- [TASK PROMPT]: Find the number of lines below in which the word "subcontext" occurs. Write only that number.

───── EXCERPTED RECORDS

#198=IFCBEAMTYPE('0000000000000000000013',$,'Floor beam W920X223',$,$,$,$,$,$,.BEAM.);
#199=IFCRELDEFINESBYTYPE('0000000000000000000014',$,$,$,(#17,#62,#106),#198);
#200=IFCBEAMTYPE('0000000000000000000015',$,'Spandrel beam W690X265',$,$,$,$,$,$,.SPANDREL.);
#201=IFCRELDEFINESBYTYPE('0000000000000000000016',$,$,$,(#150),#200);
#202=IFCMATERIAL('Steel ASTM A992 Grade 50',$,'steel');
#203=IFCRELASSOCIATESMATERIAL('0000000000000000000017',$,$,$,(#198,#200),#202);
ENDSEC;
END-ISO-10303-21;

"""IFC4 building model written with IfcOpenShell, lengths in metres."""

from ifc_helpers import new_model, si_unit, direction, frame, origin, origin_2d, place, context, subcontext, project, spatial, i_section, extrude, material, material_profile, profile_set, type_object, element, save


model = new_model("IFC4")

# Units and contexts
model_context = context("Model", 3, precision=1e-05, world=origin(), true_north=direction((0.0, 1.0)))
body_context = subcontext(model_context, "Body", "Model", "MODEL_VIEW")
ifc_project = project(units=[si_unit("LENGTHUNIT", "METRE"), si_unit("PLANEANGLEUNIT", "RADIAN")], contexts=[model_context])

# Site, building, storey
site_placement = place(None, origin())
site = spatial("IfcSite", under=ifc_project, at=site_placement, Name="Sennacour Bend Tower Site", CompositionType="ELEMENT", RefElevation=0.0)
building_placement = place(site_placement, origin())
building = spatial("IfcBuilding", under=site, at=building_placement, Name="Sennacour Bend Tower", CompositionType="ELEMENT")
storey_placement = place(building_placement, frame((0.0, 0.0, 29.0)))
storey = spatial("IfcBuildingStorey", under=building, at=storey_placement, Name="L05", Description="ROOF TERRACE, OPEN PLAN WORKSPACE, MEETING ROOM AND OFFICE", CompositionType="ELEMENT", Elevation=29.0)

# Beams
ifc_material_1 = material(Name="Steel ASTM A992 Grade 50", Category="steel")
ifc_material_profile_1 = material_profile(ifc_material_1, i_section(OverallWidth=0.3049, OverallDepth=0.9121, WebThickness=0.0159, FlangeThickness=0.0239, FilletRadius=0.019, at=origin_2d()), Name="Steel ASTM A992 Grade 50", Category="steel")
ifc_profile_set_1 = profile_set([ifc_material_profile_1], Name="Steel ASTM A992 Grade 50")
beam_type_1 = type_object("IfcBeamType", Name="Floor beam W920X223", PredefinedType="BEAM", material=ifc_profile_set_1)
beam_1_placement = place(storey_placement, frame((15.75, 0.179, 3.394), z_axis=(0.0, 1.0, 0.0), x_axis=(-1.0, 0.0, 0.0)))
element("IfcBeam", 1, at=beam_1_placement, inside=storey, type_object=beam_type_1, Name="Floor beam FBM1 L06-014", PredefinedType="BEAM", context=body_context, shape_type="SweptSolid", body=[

──────────

- [YOUR RESPONSE]: 2